Search the listing below for the line containing "#103=IFCPRODUCTDEFINITIONSHAPE($,$,(#102));". From there through the line containing "#107=IFCINDEXEDPOLYGONALFACE((1,3,8,7));", transcribe every line exactly, both ends included.

*** Opening Exercise inputs ***

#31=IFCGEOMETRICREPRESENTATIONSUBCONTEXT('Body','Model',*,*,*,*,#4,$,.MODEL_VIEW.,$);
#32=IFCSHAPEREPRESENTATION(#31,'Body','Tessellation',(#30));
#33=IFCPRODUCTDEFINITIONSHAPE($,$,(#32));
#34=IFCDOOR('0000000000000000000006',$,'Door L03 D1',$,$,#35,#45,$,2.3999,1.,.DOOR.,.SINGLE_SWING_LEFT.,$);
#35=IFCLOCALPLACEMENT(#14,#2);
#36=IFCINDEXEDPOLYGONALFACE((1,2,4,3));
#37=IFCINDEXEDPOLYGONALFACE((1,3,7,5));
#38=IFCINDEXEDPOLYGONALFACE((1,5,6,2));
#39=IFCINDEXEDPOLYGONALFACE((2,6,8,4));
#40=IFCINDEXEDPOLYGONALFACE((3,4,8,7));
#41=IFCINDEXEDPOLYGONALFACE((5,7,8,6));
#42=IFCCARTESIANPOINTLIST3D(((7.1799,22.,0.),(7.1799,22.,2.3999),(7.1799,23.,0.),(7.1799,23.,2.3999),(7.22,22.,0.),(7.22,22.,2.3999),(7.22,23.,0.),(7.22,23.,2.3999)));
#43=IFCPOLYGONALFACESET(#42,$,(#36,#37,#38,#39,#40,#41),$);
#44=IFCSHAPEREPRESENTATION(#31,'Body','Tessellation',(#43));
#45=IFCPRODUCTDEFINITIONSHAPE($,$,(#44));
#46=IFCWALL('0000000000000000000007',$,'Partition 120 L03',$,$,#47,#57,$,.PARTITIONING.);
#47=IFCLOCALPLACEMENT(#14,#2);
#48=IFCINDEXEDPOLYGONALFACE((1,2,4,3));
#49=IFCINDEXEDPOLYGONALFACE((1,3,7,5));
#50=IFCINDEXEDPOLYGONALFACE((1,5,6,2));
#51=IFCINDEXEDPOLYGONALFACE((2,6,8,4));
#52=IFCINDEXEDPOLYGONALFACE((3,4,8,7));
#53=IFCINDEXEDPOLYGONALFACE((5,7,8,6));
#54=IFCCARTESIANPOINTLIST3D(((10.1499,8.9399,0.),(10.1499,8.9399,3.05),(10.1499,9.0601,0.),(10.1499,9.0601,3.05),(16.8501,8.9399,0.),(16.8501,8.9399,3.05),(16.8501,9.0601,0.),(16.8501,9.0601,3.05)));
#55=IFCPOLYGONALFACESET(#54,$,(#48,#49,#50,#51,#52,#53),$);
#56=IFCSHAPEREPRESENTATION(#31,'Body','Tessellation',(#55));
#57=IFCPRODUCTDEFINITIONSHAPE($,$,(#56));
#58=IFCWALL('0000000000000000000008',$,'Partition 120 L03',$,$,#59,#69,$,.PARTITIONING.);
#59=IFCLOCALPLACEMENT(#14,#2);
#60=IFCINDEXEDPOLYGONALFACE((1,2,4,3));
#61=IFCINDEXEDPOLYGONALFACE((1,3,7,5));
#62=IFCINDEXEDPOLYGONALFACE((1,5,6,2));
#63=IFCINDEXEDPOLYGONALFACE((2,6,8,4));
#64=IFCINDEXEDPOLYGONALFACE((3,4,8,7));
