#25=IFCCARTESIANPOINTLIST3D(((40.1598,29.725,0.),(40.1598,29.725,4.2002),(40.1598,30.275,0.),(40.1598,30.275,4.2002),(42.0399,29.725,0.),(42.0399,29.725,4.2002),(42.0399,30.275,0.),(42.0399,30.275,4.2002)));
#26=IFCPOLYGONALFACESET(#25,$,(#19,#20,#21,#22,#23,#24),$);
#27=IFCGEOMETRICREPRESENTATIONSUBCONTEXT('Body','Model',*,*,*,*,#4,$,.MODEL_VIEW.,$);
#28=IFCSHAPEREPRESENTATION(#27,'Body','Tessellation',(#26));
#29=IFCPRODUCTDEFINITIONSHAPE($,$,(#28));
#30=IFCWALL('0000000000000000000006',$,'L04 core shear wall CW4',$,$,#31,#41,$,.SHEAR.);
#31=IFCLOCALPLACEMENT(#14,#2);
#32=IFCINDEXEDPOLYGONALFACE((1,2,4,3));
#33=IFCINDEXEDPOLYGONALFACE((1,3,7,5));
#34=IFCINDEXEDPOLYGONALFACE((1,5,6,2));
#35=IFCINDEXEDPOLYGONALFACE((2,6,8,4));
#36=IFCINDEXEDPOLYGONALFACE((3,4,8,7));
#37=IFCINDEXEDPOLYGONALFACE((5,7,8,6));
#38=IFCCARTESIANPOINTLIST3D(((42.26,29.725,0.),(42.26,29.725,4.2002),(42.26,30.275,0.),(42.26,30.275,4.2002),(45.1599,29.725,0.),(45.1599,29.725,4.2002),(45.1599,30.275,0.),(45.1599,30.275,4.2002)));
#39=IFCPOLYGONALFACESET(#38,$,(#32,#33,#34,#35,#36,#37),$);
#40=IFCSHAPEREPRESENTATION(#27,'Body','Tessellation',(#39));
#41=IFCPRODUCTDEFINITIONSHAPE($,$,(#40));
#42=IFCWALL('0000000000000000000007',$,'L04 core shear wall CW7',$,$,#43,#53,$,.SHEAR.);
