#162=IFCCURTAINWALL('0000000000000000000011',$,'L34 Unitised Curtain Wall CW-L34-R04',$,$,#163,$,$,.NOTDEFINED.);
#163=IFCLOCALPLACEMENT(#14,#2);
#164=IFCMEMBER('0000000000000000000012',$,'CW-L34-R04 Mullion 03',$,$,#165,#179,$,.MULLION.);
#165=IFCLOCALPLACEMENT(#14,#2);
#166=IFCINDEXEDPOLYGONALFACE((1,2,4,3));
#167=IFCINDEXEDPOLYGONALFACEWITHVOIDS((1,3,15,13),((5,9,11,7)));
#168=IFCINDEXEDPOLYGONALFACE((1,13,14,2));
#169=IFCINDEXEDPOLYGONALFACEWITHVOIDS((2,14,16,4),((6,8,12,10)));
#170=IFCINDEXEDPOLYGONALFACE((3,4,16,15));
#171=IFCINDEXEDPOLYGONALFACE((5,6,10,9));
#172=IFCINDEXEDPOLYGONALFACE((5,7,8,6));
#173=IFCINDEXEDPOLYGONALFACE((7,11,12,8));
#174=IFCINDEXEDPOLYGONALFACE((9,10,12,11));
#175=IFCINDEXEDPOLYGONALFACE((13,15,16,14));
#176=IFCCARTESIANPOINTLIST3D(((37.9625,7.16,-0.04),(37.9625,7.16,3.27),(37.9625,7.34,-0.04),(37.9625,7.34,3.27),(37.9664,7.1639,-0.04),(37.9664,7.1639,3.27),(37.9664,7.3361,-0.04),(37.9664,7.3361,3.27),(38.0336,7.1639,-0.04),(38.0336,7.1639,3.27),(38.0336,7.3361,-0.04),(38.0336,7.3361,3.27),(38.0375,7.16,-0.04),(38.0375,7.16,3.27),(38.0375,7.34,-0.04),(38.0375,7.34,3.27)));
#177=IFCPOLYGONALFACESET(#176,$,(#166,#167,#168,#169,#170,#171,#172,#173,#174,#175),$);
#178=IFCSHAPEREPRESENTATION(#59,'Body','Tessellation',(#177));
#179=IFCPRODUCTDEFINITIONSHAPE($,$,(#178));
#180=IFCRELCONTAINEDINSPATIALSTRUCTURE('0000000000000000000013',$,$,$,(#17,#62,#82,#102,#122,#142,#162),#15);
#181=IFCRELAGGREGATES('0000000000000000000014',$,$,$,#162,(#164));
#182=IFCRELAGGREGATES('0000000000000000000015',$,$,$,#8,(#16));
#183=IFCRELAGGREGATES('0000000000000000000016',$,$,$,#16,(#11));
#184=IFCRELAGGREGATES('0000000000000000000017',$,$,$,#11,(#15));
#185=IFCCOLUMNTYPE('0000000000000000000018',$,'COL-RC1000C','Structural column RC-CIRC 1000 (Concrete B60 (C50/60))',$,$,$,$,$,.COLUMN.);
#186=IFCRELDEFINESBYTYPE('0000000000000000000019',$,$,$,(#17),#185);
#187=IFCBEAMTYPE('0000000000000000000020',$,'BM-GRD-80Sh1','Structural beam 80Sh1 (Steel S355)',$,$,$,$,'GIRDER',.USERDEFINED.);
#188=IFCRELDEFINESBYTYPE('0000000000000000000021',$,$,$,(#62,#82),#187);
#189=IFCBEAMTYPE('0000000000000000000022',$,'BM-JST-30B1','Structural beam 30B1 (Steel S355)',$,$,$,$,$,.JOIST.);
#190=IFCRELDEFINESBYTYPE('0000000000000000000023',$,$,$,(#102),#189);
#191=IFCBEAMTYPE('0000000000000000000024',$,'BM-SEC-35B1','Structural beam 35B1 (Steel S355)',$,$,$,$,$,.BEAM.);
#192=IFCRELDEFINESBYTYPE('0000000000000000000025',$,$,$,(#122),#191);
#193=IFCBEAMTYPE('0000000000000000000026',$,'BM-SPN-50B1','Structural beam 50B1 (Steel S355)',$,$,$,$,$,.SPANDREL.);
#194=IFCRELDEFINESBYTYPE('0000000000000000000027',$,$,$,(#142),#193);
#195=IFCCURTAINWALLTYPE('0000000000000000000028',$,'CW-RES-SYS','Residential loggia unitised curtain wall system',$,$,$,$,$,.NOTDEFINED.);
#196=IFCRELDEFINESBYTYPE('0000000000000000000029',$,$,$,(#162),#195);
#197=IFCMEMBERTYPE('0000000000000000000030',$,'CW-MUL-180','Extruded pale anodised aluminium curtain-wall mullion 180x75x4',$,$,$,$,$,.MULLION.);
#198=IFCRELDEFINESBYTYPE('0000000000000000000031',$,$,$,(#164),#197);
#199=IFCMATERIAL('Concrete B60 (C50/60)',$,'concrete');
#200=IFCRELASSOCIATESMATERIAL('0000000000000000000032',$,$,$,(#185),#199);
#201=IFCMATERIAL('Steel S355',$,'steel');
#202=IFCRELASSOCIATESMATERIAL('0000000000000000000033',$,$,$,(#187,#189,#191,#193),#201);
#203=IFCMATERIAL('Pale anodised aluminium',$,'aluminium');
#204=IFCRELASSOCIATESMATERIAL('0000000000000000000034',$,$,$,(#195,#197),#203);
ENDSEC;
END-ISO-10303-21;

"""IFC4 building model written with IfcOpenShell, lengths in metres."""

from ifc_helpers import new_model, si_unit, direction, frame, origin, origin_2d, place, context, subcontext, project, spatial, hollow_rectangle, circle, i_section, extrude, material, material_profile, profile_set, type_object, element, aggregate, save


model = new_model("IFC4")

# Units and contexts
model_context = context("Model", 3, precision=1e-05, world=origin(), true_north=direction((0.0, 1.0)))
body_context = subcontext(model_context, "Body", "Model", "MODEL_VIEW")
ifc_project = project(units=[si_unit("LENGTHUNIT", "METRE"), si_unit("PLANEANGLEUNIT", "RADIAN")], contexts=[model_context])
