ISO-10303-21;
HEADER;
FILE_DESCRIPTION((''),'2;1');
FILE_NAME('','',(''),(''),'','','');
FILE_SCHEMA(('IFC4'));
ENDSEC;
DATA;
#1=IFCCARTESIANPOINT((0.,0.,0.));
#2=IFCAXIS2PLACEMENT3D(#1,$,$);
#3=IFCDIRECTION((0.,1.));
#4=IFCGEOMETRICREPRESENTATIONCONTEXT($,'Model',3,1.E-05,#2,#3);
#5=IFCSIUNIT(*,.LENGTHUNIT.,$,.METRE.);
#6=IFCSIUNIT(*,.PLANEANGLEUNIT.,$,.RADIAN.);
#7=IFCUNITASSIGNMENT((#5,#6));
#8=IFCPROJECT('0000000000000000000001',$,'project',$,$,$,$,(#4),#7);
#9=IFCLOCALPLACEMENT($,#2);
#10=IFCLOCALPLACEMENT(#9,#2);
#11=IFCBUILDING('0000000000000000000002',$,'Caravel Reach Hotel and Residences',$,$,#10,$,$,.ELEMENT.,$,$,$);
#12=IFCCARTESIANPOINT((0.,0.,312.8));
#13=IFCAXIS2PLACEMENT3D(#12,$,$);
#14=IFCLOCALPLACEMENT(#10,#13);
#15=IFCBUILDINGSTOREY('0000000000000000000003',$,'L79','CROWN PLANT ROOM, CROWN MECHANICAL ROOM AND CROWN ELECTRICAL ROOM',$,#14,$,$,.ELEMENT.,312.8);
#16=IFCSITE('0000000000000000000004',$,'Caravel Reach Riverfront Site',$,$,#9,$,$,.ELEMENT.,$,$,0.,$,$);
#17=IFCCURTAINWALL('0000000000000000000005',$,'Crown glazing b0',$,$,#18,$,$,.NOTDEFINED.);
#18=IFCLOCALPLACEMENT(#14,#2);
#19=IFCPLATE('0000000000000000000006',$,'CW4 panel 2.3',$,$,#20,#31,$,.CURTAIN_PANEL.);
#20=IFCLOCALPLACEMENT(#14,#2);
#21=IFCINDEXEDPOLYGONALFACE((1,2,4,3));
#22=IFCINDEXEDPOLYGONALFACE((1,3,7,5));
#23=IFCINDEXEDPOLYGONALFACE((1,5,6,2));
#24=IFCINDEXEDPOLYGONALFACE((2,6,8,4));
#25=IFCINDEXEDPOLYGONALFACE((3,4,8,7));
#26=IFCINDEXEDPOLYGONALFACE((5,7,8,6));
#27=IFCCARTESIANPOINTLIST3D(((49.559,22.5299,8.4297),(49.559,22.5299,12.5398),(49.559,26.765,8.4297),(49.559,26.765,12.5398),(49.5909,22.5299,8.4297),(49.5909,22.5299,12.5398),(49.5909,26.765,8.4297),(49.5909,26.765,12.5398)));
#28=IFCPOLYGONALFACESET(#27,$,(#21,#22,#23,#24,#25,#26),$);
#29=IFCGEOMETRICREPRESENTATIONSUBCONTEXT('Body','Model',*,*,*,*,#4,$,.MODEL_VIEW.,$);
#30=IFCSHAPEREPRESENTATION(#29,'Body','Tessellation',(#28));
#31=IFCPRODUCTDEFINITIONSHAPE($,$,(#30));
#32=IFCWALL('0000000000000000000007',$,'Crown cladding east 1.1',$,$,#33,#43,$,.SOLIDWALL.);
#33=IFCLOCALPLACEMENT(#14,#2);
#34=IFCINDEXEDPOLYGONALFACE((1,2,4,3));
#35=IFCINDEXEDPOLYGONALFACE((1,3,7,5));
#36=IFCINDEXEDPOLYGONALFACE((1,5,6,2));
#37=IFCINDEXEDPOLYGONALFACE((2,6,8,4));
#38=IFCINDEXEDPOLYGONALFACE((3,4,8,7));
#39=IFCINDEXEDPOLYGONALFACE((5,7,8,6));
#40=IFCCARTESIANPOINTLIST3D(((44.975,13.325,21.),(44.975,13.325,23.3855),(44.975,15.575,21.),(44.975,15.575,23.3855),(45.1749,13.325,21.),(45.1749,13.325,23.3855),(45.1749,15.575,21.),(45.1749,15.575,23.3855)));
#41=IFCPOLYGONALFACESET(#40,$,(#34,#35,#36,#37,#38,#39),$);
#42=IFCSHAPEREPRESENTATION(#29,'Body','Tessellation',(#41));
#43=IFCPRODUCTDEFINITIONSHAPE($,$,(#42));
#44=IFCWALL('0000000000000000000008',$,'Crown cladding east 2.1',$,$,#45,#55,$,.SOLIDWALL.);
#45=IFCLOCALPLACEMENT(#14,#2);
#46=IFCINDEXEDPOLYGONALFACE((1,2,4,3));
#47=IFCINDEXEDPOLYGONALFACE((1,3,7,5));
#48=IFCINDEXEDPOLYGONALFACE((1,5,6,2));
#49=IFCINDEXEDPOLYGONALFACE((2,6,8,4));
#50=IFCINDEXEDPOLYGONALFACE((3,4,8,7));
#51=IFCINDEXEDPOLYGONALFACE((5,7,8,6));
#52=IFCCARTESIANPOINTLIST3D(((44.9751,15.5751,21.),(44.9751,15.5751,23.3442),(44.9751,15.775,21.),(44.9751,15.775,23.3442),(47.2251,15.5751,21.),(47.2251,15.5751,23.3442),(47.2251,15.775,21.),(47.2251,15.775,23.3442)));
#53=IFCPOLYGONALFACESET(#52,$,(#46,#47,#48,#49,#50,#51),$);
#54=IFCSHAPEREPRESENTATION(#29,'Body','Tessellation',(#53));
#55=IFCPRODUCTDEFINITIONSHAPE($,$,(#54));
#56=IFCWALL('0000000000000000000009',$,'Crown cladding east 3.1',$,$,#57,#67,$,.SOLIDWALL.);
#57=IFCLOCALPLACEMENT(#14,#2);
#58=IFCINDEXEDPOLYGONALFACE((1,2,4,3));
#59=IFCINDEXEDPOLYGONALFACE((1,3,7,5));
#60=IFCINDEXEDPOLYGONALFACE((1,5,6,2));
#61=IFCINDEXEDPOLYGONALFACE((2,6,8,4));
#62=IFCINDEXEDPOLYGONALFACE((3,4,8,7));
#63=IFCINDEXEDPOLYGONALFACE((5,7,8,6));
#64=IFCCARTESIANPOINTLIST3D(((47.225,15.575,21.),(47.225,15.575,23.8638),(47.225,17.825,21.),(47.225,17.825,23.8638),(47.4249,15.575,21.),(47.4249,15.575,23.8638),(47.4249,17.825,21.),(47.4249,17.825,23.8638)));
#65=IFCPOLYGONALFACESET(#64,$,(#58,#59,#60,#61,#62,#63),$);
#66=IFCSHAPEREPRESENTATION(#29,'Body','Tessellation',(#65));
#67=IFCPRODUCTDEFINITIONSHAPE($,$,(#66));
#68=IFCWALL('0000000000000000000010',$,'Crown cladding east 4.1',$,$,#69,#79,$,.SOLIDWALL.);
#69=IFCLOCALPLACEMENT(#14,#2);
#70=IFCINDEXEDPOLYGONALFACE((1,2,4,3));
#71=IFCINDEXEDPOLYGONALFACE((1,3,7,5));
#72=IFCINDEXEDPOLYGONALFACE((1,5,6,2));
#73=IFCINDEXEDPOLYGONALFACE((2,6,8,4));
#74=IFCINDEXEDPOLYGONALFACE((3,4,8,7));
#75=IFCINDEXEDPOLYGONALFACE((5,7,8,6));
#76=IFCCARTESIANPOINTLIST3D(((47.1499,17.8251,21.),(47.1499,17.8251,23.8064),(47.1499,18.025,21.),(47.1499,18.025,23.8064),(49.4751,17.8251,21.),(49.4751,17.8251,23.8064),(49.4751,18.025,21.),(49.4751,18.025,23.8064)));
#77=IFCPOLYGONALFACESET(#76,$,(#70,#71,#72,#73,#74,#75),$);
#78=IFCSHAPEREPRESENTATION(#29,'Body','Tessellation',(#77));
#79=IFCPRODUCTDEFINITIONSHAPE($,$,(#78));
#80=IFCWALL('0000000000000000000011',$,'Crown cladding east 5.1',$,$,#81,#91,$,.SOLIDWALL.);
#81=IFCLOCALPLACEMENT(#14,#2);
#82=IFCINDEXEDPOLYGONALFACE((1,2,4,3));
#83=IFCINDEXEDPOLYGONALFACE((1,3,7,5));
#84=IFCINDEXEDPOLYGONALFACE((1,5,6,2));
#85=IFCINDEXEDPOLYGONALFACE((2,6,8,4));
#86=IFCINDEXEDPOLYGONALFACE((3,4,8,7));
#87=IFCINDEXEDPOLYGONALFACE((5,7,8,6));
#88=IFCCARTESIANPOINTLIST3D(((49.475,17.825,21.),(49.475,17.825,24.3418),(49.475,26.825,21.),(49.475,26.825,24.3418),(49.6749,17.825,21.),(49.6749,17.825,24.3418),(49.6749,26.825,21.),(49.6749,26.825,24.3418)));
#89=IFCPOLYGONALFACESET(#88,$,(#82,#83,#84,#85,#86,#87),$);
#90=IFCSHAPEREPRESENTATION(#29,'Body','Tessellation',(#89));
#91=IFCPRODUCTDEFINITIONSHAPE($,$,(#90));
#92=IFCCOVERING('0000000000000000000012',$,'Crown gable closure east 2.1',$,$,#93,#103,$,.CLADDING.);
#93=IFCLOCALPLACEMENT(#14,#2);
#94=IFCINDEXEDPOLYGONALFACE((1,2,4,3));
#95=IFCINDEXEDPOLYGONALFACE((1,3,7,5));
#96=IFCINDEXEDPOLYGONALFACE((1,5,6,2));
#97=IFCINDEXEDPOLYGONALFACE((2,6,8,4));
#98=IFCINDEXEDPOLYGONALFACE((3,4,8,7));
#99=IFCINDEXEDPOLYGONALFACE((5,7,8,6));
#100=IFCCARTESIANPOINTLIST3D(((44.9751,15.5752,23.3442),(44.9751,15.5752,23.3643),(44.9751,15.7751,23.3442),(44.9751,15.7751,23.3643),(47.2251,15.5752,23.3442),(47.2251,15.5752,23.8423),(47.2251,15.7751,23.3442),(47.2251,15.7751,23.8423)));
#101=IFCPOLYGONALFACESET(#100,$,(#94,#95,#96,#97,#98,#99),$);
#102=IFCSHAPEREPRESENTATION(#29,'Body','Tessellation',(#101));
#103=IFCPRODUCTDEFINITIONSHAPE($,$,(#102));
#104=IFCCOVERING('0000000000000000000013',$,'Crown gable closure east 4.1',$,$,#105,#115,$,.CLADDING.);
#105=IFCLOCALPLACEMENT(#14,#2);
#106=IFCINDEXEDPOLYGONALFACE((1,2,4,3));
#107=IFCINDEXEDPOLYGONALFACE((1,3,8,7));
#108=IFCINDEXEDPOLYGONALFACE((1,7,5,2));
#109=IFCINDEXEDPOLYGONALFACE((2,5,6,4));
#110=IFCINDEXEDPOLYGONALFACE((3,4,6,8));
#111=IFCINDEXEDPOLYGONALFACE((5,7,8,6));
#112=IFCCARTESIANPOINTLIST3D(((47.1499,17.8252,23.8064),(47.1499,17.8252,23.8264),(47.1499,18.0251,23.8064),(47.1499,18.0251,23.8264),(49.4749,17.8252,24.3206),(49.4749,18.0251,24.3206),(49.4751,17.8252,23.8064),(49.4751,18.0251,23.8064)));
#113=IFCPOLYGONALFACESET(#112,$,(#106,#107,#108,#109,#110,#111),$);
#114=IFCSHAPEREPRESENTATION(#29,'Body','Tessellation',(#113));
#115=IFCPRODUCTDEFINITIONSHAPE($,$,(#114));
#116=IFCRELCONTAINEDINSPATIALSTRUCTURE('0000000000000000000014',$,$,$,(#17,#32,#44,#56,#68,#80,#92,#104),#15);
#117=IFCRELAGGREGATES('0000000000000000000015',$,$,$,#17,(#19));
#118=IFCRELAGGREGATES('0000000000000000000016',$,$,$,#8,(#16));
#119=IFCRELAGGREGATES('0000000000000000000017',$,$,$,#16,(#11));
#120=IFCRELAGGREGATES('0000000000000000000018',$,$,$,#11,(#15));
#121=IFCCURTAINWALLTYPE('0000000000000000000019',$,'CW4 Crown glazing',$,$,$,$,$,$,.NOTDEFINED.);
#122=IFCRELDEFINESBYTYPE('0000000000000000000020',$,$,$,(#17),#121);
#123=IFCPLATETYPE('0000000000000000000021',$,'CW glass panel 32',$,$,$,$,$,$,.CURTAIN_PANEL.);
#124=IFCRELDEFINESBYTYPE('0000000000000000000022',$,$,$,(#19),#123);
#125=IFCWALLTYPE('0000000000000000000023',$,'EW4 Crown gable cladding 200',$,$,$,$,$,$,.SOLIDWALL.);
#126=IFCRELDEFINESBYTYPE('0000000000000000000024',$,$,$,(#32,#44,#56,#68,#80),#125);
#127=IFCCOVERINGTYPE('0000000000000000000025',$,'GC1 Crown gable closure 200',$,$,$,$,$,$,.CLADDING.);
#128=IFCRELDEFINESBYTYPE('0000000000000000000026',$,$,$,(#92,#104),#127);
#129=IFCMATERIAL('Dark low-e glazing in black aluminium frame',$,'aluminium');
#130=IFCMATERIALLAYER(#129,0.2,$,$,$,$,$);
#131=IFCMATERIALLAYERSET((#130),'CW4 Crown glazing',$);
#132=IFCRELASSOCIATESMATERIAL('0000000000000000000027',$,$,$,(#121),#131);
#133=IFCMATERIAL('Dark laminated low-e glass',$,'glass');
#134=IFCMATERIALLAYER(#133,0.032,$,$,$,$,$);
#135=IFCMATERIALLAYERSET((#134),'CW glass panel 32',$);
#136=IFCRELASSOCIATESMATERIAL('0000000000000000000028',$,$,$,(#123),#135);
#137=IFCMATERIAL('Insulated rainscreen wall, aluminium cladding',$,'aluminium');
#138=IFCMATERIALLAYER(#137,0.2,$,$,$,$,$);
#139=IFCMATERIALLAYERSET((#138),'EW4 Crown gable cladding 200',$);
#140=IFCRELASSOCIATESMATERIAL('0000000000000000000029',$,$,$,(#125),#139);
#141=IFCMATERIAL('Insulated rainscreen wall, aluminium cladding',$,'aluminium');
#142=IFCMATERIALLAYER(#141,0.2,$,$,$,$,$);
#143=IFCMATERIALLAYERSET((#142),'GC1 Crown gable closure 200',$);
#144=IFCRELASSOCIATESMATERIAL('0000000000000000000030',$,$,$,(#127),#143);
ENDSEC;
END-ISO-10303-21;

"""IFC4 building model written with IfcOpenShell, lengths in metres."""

from ifc_helpers import new_model, si_unit, direction, frame, frame_2d, origin, origin_2d, place, context, subcontext, project, spatial, polyline, rectangle, outline, extrude, material, layer, layer_set, type_object, element, aggregate, save


model = new_model("IFC4")

# Units and contexts
model_context = context("Model", 3, precision=1e-05, world=origin(), true_north=direction((0.0, 1.0)))
body_context = subcontext(model_context, "Body", "Model", "MODEL_VIEW")
ifc_project = project(units=[si_unit("LENGTHUNIT", "METRE"), si_unit("PLANEANGLEUNIT", "RADIAN")], contexts=[model_context])

# Site, building, storey
site_placement = place(None, origin())
site = spatial("IfcSite", under=ifc_project, at=site_placement, Name="Caravel Reach Riverfront Site", CompositionType="ELEMENT", RefElevation=0.0)
building_placement = place(site_placement, origin())
building = spatial("IfcBuilding", under=site, at=building_placement, Name="Caravel Reach Hotel and Residences", CompositionType="ELEMENT")
storey_placement = place(building_placement, frame((0.0, 0.0, 312.8)))
storey = spatial("IfcBuildingStorey", under=building, at=storey_placement, Name="L79", Description="CROWN PLANT ROOM, CROWN MECHANICAL ROOM AND CROWN ELECTRICAL ROOM", CompositionType="ELEMENT", Elevation=312.8)

# Shared definitions
ifc_material_1 = material(Name="Dark low-e glazing in black aluminium frame", Category="aluminium")
ifc_layer_1 = layer(ifc_material_1, 0.2)
ifc_layer_set_1 = layer_set([ifc_layer_1], Name="CW4 Crown glazing")
curtain_wall_type = type_object("IfcCurtainWallType", Name="CW4 Crown glazing", PredefinedType="NOTDEFINED", material=ifc_layer_set_1)

# Curtain wall
curtain_wall_1_placement = place(storey_placement, origin())
curtain_wall_1 = element("IfcCurtainWall", 1, at=curtain_wall_1_placement, inside=storey, type_object=curtain_wall_type, Name="Crown glazing b0", PredefinedType="NOTDEFINED")

# Plate
ifc_material_2 = material(Name="Dark laminated low-e glass", Category="glass")
ifc_layer_2 = layer(ifc_material_2, 0.032)
ifc_layer_set_2 = layer_set([ifc_layer_2], Name="CW glass panel 32")
plate_type = type_object("IfcPlateType", Name="CW glass panel 32", PredefinedType="CURTAIN_PANEL", material=ifc_layer_set_2)
plate_1_placement = place(storey_placement, frame((49.575, 24.6475, 8.4297), z_axis=(0.0, 0.0, 1.0), x_axis=(0.0, 1.0, 0.0)))
plate_1 = element("IfcPlate", 2, at=plate_1_placement, type_object=plate_type, Name="CW4 panel 2.3", PredefinedType="CURTAIN_PANEL", context=body_context, shape_type="SweptSolid", body=[
    extrude(rectangle(XDim=4.2351, YDim=0.032, at=origin_2d()), origin(), (0.0, 0.0, 1.0), 4.1101),
])
aggregate(curtain_wall_1, [plate_1])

*** Closing Exercise inputs ***

Reply to the exercise:
#103=IFCPRODUCTDEFINITIONSHAPE($,$,(#102));
#104=IFCCOVERING('0000000000000000000013',$,'Crown gable closure east 4.1',$,$,#105,#115,$,.CLADDING.);
#105=IFCLOCALPLACEMENT(#14,#2);
#106=IFCINDEXEDPOLYGONALFACE((1,2,4,3));
#107=IFCINDEXEDPOLYGONALFACE((1,3,8,7));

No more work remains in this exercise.